AIM OF THE TASK -> Once you find a line containing the word "anodised" in the entries below, copy it.

MATERIAL FOR THIS TASK ->
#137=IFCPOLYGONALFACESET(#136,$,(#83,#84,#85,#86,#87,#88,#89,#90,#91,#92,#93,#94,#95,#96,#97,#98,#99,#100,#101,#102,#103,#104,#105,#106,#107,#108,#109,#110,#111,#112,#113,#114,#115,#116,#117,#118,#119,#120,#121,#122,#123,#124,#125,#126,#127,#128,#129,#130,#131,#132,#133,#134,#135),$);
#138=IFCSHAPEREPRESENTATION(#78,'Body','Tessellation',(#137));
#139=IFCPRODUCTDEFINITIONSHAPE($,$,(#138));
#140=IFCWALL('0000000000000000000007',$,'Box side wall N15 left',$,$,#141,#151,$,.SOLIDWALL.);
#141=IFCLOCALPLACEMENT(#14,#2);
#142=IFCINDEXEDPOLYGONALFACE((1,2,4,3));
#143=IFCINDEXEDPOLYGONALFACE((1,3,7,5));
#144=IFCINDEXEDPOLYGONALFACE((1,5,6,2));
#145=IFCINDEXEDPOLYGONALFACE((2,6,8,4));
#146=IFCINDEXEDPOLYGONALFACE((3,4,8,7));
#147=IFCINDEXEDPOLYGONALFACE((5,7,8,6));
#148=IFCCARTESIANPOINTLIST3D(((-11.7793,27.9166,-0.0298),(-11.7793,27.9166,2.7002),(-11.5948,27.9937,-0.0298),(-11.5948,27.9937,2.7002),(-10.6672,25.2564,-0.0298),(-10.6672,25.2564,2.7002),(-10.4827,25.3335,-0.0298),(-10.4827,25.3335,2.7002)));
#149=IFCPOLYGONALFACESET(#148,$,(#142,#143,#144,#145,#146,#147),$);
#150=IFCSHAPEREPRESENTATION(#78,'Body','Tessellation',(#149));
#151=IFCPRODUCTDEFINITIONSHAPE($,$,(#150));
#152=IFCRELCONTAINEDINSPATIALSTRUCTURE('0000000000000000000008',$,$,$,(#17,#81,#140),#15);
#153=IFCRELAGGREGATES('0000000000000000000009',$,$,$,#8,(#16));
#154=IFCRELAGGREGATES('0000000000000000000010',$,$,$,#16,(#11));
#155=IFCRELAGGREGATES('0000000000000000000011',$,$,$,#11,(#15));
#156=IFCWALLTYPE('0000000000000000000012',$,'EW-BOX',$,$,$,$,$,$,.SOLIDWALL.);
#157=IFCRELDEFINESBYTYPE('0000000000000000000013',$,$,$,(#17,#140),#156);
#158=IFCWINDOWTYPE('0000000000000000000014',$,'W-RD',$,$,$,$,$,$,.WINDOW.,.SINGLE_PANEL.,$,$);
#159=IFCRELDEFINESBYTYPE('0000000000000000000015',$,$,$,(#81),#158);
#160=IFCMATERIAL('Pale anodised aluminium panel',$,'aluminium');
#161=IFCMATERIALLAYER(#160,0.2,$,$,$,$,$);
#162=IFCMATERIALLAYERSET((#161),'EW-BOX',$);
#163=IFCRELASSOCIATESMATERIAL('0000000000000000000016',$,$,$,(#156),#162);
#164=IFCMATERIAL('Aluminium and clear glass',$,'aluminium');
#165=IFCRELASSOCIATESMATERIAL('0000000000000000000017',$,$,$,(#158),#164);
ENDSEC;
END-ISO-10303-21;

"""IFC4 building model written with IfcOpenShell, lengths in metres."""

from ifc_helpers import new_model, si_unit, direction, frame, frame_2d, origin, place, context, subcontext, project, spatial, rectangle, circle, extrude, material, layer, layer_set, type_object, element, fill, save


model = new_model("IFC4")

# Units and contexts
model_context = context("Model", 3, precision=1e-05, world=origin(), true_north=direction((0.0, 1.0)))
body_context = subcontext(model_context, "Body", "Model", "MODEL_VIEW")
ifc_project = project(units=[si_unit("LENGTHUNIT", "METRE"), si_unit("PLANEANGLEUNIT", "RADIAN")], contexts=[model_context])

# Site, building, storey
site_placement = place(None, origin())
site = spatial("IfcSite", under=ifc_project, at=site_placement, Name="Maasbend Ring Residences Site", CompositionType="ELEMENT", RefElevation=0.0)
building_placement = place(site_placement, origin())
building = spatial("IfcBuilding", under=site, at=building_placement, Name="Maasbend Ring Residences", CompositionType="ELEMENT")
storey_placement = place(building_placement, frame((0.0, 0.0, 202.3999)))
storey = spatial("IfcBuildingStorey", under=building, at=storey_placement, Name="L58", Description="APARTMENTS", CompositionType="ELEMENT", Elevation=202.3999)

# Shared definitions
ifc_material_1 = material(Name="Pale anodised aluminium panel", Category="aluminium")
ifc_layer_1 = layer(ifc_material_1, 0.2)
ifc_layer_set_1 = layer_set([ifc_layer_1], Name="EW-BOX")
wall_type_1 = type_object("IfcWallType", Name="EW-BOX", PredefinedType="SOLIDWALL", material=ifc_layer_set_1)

REPLY ->
#160=IFCMATERIAL('Pale anodised aluminium panel',$,'aluminium');
ifc_material_1 = material(Name="Pale anodised aluminium panel", Category="aluminium")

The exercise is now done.